● Stored data entries:
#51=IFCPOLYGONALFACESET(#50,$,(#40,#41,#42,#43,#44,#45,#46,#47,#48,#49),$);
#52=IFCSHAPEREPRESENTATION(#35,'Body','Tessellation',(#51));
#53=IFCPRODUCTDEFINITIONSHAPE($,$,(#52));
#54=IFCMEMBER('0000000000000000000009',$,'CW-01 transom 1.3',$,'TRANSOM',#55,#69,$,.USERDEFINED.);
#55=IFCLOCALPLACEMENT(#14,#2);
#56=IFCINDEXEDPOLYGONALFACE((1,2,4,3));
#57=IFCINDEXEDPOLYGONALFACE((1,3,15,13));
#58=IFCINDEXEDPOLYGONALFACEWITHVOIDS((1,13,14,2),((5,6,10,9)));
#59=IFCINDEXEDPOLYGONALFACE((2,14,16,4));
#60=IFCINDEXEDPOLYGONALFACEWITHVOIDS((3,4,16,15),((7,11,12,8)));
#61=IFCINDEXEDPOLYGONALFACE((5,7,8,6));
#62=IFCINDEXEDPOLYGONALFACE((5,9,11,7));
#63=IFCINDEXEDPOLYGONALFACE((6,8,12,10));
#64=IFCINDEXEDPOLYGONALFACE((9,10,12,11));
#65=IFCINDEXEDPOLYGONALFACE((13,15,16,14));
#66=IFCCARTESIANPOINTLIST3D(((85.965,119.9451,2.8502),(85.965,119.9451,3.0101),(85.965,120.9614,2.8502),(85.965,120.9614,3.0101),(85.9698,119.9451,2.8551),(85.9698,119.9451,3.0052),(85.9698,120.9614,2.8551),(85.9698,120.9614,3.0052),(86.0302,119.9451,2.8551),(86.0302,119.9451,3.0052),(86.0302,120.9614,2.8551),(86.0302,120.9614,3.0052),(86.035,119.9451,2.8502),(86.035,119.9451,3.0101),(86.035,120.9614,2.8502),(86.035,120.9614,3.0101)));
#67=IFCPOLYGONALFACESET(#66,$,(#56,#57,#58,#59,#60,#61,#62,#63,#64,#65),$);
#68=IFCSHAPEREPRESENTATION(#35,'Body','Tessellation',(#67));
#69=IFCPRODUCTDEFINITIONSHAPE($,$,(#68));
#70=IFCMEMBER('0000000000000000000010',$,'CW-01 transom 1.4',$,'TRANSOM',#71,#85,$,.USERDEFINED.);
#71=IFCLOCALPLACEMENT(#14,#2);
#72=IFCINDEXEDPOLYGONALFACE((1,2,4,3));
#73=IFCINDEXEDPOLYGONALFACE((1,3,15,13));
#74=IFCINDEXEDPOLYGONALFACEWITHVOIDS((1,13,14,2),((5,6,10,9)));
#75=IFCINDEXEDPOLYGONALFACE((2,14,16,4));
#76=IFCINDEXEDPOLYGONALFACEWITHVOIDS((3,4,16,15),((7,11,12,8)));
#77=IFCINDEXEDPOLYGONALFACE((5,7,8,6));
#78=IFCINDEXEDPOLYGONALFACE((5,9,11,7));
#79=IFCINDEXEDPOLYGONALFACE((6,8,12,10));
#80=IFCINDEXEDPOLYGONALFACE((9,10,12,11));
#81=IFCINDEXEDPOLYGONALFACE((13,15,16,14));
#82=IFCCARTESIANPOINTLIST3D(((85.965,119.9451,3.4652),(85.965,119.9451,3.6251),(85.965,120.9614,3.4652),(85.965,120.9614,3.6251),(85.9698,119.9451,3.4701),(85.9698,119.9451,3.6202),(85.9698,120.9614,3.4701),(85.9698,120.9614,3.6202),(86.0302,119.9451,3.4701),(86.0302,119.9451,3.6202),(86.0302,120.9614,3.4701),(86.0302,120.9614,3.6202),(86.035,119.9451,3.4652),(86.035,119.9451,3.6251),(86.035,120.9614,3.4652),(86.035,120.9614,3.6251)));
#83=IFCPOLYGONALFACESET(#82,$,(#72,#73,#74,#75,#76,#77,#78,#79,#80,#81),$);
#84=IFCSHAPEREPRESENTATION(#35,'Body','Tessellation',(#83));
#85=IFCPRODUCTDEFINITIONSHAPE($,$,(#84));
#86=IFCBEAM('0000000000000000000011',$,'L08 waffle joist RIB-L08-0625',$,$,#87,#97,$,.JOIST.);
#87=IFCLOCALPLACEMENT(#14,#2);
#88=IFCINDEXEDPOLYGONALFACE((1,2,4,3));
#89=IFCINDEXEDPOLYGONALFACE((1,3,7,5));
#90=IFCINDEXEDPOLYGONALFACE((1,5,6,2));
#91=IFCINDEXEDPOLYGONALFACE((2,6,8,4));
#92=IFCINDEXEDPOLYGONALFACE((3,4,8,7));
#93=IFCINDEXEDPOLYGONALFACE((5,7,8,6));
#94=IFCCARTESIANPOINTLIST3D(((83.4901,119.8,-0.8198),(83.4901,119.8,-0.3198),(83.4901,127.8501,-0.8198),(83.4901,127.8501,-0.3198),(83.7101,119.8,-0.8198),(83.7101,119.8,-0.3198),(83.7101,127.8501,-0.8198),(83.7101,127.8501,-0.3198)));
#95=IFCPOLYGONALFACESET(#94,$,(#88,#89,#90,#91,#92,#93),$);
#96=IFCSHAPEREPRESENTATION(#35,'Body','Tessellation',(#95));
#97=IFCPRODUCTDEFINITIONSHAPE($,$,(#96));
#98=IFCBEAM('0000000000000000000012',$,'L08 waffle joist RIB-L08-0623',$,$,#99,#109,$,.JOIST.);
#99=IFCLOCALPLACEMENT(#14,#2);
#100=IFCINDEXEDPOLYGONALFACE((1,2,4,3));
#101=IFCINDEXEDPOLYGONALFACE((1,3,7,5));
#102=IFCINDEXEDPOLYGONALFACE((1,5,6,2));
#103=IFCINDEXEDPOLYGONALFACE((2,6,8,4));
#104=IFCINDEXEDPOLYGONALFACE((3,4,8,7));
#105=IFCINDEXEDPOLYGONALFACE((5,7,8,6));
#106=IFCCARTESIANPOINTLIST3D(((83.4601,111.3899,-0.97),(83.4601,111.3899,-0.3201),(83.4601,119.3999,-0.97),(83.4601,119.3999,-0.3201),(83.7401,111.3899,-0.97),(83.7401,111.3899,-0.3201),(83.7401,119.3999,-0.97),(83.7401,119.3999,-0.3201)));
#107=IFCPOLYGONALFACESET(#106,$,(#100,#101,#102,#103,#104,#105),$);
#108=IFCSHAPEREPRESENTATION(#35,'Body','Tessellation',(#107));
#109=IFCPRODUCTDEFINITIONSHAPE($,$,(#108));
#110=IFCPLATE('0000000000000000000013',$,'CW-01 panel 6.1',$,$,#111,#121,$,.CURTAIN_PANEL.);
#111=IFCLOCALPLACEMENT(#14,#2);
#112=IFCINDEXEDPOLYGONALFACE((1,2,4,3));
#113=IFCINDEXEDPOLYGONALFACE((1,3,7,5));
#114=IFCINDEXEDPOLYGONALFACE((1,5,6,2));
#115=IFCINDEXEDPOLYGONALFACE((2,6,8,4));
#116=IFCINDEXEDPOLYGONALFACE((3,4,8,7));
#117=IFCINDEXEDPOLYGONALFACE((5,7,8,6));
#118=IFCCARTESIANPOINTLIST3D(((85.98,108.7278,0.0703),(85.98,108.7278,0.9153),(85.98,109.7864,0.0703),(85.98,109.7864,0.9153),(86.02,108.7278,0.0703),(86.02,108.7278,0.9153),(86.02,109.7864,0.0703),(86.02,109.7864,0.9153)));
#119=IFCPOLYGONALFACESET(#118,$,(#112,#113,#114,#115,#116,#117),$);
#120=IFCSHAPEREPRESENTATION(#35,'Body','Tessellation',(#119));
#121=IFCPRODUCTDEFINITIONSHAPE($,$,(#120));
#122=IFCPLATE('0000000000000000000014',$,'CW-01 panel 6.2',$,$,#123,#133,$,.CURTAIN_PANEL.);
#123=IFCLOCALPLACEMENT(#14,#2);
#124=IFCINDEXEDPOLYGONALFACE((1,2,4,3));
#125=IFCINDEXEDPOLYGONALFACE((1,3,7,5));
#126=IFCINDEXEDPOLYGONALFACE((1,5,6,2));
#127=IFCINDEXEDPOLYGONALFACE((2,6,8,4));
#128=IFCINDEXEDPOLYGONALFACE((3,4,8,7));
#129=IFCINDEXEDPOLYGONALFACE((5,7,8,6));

● PROBLEM TO SOLVE: For the word "IFCLOCALPLACEMENT", return every line of the records that holds it.

● RESULT OF THIS TASK:
#55=IFCLOCALPLACEMENT(#14,#2);
#71=IFCLOCALPLACEMENT(#14,#2);
#87=IFCLOCALPLACEMENT(#14,#2);
#99=IFCLOCALPLACEMENT(#14,#2);
#111=IFCLOCALPLACEMENT(#14,#2);
#123=IFCLOCALPLACEMENT(#14,#2);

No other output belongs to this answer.